#### [RECORD SET]
<<<<
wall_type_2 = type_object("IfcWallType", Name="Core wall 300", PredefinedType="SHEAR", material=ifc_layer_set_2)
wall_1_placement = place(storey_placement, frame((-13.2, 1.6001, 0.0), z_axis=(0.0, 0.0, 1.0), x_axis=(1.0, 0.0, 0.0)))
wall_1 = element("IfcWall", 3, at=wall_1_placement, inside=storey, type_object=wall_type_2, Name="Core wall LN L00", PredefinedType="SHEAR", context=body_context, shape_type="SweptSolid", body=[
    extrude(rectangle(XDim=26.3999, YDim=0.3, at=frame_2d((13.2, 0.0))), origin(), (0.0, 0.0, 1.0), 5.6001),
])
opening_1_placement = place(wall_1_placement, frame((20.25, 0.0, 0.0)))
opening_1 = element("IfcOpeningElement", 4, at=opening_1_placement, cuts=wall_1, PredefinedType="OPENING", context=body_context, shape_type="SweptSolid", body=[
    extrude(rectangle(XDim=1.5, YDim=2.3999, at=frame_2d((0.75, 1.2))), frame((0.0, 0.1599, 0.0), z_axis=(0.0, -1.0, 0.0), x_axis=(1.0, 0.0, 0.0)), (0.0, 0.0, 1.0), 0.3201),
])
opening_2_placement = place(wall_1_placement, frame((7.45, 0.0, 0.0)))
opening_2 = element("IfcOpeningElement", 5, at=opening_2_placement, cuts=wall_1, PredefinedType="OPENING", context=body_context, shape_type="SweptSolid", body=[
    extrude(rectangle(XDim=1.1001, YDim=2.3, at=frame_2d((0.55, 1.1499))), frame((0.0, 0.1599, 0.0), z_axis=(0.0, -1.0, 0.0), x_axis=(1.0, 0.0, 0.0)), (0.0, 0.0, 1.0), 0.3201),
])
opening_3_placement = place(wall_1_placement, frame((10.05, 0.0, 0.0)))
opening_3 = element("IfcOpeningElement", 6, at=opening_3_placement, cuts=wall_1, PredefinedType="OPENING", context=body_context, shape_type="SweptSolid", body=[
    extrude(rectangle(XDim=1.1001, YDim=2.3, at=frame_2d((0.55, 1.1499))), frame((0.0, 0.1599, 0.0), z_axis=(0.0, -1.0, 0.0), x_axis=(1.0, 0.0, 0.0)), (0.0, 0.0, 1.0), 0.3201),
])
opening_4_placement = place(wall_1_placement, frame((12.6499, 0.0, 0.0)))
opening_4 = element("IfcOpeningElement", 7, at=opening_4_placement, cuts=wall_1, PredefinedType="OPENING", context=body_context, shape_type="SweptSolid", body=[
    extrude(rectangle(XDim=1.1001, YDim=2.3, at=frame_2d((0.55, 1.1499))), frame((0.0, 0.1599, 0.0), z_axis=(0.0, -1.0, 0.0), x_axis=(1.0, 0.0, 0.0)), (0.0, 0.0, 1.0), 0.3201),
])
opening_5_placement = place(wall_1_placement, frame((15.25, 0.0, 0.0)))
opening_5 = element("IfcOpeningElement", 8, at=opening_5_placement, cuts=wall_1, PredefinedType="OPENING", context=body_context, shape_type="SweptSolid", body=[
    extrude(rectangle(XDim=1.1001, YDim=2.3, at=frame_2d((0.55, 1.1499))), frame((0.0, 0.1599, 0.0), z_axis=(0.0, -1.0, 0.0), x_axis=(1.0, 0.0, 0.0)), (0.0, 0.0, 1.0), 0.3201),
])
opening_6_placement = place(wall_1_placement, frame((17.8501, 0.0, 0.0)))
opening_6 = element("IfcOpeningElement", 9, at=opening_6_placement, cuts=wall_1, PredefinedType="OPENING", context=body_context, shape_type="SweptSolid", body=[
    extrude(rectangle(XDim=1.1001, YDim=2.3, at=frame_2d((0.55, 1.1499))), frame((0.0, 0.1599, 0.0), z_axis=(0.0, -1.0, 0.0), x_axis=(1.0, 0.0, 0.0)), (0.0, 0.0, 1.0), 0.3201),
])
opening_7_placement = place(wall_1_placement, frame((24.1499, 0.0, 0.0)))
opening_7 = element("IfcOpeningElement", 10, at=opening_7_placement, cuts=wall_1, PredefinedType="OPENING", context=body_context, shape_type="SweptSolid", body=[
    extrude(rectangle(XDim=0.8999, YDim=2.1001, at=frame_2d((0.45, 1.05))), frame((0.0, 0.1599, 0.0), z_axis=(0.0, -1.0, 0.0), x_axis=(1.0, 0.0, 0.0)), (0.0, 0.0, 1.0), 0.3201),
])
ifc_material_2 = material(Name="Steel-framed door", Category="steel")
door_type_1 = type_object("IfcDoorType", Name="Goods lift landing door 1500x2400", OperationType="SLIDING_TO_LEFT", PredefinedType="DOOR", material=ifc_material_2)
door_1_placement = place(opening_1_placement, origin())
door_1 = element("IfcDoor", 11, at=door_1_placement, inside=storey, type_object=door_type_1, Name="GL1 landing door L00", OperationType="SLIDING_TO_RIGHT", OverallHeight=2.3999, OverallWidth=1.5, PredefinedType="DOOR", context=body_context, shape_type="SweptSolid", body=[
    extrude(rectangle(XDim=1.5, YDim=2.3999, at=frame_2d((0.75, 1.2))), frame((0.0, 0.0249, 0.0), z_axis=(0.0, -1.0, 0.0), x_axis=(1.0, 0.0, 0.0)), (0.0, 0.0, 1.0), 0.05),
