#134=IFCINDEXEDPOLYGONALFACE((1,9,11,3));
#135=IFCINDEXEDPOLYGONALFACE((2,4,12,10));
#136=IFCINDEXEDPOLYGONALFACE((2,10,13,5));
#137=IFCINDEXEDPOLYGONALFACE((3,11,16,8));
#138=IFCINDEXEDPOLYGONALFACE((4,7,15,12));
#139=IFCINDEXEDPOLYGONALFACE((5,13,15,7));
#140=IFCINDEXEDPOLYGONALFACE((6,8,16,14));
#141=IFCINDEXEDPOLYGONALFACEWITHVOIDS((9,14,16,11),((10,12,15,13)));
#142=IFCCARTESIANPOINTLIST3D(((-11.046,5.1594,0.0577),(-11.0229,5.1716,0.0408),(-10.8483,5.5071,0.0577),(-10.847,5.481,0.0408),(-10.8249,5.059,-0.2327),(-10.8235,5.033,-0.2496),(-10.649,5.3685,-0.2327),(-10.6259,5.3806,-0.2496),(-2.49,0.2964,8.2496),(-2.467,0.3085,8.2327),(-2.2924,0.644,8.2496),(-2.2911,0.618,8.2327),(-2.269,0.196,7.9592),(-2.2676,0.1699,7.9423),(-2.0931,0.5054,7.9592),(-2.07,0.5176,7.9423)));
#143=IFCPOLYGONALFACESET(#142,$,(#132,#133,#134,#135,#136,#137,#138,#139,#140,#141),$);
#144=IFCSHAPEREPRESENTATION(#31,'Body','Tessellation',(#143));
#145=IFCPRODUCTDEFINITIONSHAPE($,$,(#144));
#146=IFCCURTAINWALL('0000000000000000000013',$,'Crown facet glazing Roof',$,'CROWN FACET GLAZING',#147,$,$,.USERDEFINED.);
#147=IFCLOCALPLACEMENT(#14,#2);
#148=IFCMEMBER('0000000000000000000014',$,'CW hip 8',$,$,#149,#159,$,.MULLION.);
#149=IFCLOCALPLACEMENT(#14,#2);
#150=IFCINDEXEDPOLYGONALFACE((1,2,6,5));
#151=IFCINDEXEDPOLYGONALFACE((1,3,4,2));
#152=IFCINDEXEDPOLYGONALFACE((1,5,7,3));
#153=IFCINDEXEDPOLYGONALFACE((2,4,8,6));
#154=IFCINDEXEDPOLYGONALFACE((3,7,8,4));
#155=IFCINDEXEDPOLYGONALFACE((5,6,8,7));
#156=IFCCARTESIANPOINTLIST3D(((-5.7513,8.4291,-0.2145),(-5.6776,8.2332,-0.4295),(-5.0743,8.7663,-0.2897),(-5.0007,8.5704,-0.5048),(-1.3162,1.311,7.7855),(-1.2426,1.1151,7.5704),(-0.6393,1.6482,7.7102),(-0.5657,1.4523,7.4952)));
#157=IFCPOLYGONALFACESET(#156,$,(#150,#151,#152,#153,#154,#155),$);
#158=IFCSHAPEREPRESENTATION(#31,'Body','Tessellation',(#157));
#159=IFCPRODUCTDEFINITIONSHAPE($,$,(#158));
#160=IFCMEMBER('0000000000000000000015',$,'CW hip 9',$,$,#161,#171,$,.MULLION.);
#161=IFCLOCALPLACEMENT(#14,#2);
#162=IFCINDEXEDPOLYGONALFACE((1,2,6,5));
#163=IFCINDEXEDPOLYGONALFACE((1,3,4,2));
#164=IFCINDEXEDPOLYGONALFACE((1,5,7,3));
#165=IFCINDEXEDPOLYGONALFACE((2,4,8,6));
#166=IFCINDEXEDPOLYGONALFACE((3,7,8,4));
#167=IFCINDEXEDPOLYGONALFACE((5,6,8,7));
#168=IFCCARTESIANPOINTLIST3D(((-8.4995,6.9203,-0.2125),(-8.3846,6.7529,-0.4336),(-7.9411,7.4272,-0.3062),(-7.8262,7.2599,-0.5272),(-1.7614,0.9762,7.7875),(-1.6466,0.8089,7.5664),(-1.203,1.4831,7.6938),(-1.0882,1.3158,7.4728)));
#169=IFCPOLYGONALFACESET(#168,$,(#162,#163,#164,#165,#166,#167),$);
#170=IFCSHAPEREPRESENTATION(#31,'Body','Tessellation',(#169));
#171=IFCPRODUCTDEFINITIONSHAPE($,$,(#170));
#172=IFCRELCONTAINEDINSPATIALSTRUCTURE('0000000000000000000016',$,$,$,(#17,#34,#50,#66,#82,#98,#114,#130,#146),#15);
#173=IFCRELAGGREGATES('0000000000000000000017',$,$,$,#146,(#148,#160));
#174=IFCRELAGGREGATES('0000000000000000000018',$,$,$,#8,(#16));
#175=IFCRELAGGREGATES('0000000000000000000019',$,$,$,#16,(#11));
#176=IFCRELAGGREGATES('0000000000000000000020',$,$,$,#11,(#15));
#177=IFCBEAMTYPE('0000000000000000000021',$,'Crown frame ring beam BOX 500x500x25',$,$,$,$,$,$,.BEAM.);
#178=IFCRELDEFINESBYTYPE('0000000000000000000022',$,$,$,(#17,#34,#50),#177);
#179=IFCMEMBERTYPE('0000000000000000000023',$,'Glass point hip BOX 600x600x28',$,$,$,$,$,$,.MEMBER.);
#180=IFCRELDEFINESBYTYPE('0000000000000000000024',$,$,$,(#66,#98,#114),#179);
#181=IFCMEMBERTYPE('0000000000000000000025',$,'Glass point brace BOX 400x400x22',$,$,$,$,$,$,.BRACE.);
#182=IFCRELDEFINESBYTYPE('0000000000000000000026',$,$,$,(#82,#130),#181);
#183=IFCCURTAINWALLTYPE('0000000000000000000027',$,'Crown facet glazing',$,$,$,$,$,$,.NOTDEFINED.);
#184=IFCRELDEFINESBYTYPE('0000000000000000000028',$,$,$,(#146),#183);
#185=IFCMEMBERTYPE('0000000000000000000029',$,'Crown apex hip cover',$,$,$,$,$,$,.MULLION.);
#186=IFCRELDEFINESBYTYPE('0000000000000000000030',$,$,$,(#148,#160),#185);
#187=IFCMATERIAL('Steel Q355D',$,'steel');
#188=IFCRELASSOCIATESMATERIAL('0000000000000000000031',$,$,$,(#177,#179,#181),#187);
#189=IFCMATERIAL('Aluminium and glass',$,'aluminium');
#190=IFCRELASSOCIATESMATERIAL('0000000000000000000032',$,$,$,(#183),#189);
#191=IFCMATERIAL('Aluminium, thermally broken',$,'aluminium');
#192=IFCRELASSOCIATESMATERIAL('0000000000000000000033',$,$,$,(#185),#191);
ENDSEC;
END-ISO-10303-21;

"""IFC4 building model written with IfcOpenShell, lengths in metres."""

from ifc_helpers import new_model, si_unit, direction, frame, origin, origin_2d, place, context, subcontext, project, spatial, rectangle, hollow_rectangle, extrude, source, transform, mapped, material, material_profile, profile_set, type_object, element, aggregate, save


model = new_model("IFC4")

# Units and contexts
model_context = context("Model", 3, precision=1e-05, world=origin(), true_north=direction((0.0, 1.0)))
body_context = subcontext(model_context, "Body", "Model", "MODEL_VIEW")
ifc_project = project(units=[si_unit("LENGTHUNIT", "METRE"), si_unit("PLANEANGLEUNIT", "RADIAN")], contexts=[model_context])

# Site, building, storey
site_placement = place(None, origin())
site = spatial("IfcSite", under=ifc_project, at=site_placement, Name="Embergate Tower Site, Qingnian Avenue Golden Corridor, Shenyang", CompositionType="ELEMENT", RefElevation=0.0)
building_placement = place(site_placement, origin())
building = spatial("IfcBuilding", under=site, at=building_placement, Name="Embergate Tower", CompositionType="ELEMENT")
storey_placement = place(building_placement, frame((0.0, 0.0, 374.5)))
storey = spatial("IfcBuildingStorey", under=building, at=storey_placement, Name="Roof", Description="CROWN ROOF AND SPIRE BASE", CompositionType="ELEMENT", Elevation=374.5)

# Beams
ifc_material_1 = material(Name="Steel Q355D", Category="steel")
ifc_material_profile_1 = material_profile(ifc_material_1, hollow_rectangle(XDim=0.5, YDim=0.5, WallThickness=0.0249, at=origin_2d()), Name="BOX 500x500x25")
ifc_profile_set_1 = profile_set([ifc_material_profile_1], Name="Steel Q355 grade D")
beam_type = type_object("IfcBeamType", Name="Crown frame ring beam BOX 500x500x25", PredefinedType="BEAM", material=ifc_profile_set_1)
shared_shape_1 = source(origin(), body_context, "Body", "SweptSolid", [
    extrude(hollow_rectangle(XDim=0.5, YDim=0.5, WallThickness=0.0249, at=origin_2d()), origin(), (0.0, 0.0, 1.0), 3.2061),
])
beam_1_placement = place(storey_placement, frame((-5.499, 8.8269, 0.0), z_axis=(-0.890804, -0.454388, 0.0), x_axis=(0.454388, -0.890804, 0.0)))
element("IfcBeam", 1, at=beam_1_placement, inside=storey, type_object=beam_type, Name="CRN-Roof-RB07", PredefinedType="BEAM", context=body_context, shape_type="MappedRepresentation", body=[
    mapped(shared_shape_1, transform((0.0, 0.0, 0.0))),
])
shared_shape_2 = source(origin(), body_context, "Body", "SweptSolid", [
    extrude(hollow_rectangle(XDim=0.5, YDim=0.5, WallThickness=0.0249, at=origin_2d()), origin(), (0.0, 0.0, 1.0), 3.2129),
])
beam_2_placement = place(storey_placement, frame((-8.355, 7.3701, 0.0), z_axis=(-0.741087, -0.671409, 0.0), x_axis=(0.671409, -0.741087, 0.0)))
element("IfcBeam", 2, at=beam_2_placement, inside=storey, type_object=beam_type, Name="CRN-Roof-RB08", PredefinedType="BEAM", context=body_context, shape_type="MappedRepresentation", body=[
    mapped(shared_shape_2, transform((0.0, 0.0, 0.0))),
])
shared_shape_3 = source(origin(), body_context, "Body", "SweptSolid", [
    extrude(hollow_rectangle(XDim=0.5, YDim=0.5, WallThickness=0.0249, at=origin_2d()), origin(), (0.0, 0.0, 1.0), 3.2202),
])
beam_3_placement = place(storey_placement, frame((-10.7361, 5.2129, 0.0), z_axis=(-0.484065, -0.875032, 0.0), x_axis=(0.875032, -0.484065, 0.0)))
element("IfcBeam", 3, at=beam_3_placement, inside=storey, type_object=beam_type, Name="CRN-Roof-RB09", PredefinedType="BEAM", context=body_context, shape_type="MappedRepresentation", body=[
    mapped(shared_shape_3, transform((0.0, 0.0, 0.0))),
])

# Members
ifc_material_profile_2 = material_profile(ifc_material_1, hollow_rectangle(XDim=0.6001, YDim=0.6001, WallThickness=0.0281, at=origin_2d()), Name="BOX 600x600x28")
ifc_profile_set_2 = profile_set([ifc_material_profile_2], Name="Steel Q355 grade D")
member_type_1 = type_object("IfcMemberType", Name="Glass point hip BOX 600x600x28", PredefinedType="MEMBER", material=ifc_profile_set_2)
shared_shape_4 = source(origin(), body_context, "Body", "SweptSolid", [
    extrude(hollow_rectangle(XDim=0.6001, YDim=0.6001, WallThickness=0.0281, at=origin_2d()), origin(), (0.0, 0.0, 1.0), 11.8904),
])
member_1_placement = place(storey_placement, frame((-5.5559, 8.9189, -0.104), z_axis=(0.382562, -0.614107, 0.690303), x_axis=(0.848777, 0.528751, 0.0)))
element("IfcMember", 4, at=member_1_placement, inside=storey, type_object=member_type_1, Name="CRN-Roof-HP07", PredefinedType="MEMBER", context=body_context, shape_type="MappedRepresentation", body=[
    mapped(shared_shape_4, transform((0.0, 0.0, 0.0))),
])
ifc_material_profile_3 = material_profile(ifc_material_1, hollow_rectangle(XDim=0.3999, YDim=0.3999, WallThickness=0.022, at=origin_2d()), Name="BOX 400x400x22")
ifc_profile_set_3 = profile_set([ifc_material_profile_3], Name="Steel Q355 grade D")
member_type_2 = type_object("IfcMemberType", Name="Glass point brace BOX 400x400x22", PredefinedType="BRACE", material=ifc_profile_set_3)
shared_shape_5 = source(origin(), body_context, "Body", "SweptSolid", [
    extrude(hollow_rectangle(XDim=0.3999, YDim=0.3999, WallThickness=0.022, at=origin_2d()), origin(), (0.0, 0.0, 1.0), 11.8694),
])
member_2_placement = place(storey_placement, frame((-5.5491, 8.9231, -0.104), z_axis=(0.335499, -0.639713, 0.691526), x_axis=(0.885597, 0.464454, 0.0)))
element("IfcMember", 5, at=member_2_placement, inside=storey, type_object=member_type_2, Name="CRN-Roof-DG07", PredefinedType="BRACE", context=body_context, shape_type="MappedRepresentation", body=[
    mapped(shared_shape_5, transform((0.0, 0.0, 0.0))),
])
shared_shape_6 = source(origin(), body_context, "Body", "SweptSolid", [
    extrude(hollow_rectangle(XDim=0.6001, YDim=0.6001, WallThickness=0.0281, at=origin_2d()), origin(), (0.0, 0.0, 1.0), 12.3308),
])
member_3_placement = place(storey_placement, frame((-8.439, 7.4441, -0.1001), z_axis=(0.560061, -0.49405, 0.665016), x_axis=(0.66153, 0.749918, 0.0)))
>>>>
<<<<
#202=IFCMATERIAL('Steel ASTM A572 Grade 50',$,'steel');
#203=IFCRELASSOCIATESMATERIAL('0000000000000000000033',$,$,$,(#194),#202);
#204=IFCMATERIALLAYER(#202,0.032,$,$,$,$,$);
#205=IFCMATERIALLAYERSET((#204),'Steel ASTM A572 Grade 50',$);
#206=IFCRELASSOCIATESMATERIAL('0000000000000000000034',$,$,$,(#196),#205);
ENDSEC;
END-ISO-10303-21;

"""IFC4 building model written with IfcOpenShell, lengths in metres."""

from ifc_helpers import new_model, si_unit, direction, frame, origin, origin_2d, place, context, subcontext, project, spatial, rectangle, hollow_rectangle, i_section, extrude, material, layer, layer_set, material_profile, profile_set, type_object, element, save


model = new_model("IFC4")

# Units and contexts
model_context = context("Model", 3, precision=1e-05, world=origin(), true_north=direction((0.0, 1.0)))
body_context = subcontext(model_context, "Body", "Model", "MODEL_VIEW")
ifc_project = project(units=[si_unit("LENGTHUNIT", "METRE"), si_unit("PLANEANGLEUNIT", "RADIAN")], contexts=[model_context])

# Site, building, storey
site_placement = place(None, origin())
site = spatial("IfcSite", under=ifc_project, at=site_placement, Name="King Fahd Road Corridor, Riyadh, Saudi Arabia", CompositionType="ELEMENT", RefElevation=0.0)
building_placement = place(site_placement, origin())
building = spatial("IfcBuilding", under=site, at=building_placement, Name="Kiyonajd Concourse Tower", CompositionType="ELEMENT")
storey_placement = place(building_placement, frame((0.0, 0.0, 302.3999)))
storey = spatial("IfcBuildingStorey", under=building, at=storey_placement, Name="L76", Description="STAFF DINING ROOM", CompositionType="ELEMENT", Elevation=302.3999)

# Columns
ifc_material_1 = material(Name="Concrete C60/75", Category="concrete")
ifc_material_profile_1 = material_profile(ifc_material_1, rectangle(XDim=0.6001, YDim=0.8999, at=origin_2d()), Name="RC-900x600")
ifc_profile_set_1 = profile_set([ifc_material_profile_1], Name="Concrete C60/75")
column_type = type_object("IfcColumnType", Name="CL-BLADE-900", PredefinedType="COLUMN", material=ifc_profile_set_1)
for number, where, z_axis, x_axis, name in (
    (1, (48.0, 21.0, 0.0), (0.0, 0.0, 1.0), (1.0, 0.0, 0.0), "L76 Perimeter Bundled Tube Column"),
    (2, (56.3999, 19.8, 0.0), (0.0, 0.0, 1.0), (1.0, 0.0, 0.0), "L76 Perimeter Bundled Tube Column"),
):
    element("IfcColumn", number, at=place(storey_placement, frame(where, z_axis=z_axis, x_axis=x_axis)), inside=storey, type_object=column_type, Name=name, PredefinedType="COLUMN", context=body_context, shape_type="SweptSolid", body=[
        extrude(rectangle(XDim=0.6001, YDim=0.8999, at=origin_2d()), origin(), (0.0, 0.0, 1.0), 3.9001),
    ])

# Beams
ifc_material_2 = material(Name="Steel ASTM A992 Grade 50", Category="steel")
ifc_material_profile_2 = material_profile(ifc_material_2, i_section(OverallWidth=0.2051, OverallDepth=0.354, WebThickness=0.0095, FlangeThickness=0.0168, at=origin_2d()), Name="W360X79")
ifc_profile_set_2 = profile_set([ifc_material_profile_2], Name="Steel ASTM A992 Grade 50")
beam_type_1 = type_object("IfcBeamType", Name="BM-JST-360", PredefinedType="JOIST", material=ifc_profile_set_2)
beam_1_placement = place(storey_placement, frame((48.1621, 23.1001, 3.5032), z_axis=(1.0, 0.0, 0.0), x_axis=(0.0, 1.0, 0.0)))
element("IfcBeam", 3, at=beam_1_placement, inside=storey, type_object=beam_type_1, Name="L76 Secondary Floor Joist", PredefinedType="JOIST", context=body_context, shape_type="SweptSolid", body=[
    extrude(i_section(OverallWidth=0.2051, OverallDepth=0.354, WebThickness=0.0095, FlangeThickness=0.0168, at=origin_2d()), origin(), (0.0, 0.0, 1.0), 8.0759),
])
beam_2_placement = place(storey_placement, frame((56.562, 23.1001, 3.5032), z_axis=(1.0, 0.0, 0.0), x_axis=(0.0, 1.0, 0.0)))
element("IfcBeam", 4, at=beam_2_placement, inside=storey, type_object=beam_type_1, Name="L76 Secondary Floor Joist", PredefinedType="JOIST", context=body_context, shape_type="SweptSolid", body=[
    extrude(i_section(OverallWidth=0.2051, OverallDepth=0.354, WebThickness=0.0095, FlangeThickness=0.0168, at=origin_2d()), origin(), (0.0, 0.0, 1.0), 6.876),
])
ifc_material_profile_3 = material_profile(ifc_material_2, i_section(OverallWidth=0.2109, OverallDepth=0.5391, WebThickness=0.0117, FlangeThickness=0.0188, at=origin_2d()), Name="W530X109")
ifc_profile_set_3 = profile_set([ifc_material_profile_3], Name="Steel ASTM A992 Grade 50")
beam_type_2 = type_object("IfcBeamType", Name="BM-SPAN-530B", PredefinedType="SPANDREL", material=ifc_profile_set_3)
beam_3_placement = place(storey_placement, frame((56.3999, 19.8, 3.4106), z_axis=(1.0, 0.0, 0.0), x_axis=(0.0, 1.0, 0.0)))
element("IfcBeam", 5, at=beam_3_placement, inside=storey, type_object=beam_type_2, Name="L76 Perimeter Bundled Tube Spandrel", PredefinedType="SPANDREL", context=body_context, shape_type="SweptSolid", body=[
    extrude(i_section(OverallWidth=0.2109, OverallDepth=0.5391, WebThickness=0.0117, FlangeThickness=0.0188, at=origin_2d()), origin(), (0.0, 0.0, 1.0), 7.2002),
>>>>
#### [TASK INSTRUCTIONS]
Could you return the lines in the entries above that contain "import"?

#### [TASK RESPONSE]
from ifc_helpers import new_model, si_unit, direction, frame, origin, origin_2d, place, context, subcontext, project, spatial, rectangle, hollow_rectangle, extrude, source, transform, mapped, material, material_profile, profile_set, type_object, element, aggregate, save
from ifc_helpers import new_model, si_unit, direction, frame, origin, origin_2d, place, context, subcontext, project, spatial, rectangle, hollow_rectangle, i_section, extrude, material, layer, layer_set, material_profile, profile_set, type_object, element, save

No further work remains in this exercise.